**DIRECTIONS FOR THIS TASK**. Below is a block of entries; repeat exactly the lines starting at the line that contains "#55=IFCINDEXEDPOLYGONALFACE((17,21,22,18));" and ending at the line that contains "#66=IFCINDEXEDPOLYGONALFACE((39,40,42,41));", both included.

[Stored data entries]
-*-*-

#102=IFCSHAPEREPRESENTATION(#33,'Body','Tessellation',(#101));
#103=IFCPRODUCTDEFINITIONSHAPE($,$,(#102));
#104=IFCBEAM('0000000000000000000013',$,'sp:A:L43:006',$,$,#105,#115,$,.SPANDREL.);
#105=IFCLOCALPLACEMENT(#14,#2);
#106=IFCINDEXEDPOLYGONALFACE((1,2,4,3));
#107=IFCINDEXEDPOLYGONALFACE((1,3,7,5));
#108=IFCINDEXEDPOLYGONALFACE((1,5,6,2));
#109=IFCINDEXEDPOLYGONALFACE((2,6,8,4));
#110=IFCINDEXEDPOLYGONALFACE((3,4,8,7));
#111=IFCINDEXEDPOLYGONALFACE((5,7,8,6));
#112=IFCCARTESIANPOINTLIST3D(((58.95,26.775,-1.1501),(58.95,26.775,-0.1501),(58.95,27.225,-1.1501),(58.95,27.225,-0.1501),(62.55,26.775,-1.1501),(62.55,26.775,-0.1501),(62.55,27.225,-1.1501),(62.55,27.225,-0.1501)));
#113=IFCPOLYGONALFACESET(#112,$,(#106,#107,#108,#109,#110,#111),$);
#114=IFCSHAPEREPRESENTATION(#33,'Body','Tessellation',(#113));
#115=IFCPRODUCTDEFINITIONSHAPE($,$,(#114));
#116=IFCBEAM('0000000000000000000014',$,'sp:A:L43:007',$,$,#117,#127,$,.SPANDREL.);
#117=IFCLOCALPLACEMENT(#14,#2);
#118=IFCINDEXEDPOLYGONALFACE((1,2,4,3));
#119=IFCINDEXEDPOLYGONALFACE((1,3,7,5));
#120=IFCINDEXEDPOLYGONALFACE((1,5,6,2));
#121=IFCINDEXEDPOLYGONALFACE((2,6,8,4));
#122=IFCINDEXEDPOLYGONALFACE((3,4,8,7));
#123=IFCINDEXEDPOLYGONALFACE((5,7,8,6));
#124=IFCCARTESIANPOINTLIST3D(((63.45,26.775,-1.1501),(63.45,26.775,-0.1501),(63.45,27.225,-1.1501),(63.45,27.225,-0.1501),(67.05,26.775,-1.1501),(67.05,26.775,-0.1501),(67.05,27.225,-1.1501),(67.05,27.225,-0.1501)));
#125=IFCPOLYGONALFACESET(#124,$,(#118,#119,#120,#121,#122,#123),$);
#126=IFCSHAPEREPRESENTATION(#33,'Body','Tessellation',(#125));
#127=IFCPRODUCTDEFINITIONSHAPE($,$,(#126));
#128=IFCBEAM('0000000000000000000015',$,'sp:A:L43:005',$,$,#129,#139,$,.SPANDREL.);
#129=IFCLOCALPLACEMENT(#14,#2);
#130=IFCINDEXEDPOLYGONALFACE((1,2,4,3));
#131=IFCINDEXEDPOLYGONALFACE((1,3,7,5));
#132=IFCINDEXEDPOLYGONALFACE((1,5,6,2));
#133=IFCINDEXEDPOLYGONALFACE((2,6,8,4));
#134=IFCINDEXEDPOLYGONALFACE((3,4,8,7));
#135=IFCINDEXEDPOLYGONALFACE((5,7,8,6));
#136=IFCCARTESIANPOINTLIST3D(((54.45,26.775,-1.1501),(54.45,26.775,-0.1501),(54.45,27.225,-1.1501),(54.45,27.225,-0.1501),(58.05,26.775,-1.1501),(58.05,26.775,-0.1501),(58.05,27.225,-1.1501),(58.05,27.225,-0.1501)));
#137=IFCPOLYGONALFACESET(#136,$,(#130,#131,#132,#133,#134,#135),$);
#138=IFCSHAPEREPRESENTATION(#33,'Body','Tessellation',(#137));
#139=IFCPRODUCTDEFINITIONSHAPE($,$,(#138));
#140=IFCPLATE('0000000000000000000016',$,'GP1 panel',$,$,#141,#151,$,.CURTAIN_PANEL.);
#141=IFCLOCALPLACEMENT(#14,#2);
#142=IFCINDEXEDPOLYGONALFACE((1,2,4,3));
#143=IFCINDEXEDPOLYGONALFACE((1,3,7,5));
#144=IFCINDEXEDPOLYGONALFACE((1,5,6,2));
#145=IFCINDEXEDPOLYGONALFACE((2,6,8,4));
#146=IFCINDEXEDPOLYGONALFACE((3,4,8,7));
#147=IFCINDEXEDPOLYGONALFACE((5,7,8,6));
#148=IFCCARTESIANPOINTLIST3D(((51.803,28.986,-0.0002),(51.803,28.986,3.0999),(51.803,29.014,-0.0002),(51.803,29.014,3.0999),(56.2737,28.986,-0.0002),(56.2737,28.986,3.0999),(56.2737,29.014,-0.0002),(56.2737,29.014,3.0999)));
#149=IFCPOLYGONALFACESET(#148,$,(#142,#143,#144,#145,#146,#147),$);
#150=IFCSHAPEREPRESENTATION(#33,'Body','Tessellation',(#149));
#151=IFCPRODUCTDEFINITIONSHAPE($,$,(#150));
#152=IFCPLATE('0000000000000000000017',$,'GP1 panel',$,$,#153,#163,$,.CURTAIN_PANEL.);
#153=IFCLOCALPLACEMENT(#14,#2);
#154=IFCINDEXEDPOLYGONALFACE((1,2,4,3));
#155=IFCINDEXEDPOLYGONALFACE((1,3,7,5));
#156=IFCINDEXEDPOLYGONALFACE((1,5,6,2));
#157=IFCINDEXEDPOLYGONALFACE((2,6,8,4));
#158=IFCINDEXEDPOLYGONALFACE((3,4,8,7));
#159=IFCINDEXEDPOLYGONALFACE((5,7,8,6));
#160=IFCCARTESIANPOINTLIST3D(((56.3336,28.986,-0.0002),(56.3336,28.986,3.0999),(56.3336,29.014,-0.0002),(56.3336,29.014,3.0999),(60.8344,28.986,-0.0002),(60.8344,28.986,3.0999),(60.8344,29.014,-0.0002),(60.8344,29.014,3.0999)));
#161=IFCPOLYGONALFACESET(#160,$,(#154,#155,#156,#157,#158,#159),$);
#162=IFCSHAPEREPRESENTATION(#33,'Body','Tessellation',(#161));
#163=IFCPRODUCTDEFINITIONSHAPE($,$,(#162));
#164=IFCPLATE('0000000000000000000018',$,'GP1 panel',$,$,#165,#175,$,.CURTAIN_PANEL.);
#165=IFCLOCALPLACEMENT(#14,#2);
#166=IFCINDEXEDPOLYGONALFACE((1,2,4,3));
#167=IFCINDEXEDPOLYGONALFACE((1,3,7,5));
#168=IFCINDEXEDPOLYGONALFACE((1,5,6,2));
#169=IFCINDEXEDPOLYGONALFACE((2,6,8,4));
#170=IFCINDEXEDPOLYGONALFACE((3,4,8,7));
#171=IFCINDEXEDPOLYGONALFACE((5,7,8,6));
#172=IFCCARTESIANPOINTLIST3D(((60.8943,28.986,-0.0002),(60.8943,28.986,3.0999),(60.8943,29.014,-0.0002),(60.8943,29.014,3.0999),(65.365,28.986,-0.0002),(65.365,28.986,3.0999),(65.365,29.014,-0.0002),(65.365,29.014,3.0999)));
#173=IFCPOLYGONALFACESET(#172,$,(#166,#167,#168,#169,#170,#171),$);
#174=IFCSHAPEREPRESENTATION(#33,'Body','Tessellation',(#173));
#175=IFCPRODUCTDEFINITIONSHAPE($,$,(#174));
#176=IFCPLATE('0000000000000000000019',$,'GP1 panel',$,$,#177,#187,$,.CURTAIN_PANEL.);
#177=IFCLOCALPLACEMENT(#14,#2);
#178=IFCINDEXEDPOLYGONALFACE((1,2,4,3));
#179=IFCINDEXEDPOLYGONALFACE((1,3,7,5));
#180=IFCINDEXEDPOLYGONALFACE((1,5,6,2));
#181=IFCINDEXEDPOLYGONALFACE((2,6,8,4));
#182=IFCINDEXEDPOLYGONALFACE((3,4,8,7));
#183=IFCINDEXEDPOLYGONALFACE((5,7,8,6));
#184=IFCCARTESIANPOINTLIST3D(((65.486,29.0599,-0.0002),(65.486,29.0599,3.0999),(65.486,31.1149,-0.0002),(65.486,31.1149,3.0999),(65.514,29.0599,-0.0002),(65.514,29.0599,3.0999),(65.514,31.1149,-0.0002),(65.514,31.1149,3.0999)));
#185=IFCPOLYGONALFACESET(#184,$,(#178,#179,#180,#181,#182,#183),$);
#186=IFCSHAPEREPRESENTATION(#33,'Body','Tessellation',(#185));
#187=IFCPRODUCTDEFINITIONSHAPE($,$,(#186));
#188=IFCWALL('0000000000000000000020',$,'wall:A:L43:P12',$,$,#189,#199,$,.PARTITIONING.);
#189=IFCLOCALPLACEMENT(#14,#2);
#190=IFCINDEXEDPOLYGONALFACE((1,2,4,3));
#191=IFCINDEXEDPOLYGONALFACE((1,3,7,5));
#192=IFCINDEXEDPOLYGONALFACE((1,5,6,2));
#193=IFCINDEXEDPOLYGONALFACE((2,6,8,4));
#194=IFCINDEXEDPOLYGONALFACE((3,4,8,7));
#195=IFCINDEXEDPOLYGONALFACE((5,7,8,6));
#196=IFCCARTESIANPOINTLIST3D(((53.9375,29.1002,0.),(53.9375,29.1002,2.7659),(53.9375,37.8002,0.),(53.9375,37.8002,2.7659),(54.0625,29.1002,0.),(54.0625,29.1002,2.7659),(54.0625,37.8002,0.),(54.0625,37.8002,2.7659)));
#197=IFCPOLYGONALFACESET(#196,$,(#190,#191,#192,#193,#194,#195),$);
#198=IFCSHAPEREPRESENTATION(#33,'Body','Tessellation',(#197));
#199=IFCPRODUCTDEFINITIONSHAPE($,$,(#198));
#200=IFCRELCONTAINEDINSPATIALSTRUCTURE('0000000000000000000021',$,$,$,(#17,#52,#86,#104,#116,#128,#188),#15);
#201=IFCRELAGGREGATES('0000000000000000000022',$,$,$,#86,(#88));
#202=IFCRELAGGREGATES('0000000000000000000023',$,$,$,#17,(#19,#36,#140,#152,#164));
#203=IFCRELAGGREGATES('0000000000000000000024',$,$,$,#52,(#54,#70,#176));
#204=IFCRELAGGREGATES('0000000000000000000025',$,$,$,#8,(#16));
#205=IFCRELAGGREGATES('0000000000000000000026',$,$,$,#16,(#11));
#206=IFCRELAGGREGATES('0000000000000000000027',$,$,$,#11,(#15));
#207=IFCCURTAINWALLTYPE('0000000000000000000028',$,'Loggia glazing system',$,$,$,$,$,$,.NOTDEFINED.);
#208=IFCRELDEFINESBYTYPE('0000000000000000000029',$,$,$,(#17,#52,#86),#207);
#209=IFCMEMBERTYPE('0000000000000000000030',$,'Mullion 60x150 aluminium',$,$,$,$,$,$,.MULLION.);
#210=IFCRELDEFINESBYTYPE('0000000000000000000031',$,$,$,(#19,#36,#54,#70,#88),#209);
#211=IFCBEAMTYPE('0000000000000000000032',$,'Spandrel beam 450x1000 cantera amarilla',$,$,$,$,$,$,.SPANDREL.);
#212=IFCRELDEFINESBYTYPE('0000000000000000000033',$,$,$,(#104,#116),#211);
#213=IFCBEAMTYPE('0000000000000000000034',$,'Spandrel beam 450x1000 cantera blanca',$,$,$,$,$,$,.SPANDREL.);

-*-*-

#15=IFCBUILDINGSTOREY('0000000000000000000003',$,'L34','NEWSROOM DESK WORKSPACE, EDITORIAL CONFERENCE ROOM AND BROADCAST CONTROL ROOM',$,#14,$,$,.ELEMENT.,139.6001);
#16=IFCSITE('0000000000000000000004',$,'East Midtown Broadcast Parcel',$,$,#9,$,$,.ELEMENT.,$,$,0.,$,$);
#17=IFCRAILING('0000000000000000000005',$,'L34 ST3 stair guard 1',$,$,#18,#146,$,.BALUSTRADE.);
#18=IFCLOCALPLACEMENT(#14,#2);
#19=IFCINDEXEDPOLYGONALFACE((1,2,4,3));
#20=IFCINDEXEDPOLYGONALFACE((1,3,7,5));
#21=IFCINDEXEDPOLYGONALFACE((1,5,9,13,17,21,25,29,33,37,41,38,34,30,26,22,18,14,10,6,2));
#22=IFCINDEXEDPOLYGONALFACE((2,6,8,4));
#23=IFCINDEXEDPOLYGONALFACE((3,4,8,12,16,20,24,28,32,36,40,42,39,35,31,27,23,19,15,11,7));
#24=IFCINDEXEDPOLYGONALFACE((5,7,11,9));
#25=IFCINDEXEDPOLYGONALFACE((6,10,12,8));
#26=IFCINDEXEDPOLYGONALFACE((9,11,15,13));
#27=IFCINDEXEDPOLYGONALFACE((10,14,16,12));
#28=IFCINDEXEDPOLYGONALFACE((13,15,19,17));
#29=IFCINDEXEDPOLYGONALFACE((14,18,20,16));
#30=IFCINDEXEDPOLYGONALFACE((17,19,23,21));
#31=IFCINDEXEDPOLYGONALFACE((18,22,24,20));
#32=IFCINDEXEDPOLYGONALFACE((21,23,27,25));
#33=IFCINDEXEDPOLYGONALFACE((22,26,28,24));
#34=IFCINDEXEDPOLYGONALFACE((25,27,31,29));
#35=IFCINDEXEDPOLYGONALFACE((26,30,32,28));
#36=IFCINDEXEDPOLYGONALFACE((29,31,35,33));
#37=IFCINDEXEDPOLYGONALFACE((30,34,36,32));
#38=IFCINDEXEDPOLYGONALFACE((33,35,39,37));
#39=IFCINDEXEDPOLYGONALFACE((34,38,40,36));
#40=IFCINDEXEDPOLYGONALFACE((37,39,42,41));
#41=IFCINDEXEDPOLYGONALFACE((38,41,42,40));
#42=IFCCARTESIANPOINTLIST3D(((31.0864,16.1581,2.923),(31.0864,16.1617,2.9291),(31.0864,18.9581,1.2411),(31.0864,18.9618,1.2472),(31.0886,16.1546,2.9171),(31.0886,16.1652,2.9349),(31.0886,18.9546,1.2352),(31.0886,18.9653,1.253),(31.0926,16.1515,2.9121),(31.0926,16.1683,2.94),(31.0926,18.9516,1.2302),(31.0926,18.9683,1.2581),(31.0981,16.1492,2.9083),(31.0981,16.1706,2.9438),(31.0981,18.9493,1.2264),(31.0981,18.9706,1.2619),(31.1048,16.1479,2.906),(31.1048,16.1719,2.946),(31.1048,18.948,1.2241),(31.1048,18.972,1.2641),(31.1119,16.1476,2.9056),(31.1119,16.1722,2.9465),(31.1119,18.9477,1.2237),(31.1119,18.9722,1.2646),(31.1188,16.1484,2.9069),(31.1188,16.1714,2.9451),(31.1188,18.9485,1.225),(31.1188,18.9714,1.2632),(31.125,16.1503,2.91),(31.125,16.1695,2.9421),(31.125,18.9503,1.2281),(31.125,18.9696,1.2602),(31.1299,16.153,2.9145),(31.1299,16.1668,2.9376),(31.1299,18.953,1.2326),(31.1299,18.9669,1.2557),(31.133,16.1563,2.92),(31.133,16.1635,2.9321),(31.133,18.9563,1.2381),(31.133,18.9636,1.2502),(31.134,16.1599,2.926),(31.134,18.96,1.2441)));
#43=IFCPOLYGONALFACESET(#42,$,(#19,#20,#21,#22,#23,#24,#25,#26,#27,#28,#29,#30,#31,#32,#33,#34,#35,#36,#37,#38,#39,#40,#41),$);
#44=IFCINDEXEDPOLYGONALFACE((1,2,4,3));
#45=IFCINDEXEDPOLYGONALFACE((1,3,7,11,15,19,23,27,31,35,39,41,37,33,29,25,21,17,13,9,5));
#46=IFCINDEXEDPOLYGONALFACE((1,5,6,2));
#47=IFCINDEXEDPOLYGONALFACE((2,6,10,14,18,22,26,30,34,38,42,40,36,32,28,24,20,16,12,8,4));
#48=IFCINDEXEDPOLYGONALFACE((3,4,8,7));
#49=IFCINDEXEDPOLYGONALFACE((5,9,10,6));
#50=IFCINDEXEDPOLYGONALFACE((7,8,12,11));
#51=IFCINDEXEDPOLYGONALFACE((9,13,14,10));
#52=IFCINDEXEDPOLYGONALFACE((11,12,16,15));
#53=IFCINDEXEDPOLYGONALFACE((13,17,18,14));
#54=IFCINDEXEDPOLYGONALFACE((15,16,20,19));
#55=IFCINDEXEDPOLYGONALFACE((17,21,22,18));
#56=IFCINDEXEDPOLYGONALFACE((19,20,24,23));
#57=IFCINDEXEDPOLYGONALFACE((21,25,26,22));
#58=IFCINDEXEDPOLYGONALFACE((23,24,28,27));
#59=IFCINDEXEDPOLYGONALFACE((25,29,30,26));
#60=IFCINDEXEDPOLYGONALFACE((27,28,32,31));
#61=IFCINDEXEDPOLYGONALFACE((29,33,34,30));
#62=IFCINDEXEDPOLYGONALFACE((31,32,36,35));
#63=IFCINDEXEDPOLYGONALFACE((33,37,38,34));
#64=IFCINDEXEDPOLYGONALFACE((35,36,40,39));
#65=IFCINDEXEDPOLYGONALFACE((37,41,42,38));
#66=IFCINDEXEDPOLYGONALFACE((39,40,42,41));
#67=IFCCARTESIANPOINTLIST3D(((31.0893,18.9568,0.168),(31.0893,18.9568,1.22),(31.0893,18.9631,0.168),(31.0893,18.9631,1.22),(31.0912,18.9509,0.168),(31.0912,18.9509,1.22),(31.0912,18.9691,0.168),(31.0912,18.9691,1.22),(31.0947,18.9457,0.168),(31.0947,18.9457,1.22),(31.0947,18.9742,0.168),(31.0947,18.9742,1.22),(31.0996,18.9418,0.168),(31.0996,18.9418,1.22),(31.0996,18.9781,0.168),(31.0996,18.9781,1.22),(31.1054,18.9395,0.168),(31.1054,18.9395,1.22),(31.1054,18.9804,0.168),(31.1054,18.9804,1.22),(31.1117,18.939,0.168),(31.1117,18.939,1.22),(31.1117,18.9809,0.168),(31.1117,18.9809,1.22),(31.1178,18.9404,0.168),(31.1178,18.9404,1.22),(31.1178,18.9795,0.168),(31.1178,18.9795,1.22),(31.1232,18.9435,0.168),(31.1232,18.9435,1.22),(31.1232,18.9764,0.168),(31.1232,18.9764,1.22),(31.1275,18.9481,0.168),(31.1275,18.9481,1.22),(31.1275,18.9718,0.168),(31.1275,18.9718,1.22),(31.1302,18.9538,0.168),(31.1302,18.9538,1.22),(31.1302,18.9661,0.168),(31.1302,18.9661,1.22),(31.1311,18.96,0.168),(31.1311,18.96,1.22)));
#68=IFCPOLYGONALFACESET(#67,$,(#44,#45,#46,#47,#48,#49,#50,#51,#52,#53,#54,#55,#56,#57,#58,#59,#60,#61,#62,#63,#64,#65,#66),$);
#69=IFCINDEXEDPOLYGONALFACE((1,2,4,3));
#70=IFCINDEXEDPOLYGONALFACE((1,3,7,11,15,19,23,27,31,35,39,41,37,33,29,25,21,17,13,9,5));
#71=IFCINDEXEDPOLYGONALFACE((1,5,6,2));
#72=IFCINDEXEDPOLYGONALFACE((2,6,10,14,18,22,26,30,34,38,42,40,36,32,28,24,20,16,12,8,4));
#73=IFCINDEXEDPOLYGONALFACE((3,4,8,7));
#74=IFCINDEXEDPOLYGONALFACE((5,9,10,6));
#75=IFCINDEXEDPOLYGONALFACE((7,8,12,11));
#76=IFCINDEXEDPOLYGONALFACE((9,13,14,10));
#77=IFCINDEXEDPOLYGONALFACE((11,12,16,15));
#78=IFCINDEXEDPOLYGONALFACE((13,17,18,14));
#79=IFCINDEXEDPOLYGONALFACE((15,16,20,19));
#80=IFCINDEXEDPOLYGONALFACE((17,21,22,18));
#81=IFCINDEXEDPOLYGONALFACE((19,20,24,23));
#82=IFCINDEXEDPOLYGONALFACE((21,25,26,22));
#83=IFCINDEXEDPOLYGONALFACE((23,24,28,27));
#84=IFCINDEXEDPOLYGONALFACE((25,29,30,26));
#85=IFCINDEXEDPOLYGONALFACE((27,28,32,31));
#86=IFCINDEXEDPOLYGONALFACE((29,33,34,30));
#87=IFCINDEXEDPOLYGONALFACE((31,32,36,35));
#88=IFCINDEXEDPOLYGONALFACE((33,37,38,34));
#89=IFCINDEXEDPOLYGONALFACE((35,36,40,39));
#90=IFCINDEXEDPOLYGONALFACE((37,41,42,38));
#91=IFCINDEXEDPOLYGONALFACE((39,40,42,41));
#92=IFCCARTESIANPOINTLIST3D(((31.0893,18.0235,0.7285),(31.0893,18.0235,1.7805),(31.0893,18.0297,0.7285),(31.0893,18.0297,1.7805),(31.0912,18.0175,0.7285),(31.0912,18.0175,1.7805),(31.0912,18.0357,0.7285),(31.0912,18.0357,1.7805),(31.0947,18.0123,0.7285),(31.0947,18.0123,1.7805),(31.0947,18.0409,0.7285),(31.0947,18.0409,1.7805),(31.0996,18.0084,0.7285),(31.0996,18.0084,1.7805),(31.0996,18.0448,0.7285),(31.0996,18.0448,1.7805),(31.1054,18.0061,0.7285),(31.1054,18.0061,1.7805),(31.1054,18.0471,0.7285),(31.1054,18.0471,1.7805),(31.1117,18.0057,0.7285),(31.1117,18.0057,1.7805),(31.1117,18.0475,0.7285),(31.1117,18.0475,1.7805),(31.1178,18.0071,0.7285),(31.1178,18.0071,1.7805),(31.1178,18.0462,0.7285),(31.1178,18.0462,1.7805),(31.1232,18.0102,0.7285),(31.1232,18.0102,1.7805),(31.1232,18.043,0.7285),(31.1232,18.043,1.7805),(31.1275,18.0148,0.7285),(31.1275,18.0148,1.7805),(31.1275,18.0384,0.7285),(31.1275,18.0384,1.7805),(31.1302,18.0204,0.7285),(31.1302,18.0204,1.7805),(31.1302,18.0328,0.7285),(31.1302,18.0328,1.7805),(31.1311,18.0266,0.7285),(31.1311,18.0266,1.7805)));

-*-*-

**FINAL ANSWER**.
#55=IFCINDEXEDPOLYGONALFACE((17,21,22,18));
#56=IFCINDEXEDPOLYGONALFACE((19,20,24,23));
#57=IFCINDEXEDPOLYGONALFACE((21,25,26,22));
#58=IFCINDEXEDPOLYGONALFACE((23,24,28,27));
#59=IFCINDEXEDPOLYGONALFACE((25,29,30,26));
#60=IFCINDEXEDPOLYGONALFACE((27,28,32,31));
#61=IFCINDEXEDPOLYGONALFACE((29,33,34,30));
#62=IFCINDEXEDPOLYGONALFACE((31,32,36,35));
#63=IFCINDEXEDPOLYGONALFACE((33,37,38,34));
#64=IFCINDEXEDPOLYGONALFACE((35,36,40,39));
#65=IFCINDEXEDPOLYGONALFACE((37,41,42,38));
#66=IFCINDEXEDPOLYGONALFACE((39,40,42,41));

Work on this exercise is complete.